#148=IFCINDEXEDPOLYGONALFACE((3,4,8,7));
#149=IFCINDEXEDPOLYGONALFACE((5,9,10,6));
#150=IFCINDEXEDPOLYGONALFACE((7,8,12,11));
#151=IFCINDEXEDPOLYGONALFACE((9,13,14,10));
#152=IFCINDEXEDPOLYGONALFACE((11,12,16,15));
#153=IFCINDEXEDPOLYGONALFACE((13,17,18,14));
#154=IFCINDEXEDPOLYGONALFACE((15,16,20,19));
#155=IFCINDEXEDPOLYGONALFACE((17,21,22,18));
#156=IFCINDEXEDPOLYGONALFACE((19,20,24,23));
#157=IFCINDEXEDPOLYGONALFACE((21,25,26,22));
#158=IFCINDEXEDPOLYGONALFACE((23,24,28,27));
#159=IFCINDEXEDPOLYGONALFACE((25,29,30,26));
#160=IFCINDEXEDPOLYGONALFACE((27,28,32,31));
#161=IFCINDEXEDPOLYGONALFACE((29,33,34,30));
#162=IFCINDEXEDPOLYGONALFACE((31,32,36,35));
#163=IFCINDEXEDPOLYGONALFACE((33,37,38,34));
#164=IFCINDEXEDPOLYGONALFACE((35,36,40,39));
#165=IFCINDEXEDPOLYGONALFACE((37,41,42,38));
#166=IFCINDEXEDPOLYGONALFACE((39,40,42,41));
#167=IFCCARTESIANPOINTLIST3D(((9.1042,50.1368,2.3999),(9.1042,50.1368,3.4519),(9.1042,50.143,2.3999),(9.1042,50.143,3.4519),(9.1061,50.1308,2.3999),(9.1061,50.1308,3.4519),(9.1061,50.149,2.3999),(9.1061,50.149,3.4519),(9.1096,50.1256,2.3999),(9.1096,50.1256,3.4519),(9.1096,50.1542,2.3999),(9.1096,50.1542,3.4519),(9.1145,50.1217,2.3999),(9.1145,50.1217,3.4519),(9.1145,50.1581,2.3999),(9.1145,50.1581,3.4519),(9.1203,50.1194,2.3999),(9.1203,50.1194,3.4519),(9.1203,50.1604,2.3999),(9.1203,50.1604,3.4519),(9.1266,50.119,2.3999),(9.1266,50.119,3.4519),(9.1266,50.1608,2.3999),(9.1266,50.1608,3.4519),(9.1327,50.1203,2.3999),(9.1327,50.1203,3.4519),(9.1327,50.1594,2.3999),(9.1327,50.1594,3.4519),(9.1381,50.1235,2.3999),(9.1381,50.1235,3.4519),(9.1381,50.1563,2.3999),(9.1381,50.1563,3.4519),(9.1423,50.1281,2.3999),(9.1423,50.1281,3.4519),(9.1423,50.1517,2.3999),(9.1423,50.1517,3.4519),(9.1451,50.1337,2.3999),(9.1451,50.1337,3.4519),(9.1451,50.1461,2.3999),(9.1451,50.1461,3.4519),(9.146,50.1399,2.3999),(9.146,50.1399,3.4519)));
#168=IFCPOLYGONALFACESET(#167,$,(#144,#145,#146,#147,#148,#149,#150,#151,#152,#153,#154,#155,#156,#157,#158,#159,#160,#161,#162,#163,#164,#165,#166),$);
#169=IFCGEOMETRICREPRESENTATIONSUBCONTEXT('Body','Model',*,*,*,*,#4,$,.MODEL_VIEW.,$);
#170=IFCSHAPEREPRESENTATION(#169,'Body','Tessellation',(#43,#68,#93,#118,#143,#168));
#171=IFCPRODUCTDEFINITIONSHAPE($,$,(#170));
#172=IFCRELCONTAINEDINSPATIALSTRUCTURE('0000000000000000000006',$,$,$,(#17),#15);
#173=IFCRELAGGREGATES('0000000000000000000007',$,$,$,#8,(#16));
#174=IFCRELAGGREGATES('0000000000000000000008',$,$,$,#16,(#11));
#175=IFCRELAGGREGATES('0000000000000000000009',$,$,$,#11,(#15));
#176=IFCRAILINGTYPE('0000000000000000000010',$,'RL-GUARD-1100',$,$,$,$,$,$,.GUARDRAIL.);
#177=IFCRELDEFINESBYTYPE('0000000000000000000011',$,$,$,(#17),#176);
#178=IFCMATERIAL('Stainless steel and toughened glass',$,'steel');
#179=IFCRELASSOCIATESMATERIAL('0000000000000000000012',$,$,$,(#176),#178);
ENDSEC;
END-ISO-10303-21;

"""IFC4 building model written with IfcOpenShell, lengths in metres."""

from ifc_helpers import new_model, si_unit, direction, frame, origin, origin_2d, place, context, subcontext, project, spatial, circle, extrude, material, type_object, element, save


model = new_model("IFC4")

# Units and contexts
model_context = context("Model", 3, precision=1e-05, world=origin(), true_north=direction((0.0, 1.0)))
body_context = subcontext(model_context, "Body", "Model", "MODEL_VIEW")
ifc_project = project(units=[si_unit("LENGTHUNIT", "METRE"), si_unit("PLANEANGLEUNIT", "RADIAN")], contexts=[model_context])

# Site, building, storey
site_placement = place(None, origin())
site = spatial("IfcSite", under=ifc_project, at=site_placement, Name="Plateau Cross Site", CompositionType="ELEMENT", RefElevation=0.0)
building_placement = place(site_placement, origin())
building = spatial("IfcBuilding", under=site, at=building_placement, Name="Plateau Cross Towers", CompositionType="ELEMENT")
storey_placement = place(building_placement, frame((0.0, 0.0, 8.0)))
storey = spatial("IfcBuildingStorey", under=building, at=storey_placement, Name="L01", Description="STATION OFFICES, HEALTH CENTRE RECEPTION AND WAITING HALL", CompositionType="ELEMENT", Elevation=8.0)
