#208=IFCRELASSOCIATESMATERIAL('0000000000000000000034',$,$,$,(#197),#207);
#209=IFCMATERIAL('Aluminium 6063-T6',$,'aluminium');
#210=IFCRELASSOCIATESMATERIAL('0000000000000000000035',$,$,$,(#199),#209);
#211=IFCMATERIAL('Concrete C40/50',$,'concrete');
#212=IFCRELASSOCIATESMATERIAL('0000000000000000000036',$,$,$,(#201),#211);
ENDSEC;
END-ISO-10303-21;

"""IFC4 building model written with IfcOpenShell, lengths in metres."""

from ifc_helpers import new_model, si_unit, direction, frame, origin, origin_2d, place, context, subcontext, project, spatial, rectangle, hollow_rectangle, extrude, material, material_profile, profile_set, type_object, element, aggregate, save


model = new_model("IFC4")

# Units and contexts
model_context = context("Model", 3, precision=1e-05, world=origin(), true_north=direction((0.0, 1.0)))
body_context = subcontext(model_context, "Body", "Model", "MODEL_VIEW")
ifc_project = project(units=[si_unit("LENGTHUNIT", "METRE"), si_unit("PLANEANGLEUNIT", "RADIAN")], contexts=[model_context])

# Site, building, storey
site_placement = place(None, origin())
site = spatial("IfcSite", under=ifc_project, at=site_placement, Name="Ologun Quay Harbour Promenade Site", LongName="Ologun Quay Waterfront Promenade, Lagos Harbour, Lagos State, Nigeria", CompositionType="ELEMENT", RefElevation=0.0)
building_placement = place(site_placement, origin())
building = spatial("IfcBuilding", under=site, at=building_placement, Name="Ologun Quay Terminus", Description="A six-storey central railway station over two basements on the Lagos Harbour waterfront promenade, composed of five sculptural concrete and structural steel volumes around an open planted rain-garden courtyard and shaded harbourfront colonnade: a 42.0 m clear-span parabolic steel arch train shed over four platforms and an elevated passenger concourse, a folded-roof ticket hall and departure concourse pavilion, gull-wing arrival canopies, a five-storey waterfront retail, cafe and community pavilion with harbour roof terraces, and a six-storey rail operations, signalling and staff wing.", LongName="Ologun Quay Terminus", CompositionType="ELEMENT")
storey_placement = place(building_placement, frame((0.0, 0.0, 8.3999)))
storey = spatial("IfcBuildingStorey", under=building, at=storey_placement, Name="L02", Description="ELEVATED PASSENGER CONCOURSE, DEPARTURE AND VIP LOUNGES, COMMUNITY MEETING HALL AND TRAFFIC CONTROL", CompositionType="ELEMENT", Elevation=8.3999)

TASK =>
Show every line from the entries above in which "RefElevation" appears.

SOLVED PROBLEM =>
site = spatial("IfcSite", under=ifc_project, at=site_placement, Name="Plateau Cross Site", CompositionType="ELEMENT", RefElevation=0.0)
site = spatial("IfcSite", under=ifc_project, at=site_placement, Name="Ologun Quay Harbour Promenade Site", LongName="Ologun Quay Waterfront Promenade, Lagos Harbour, Lagos State, Nigeria", CompositionType="ELEMENT", RefElevation=0.0)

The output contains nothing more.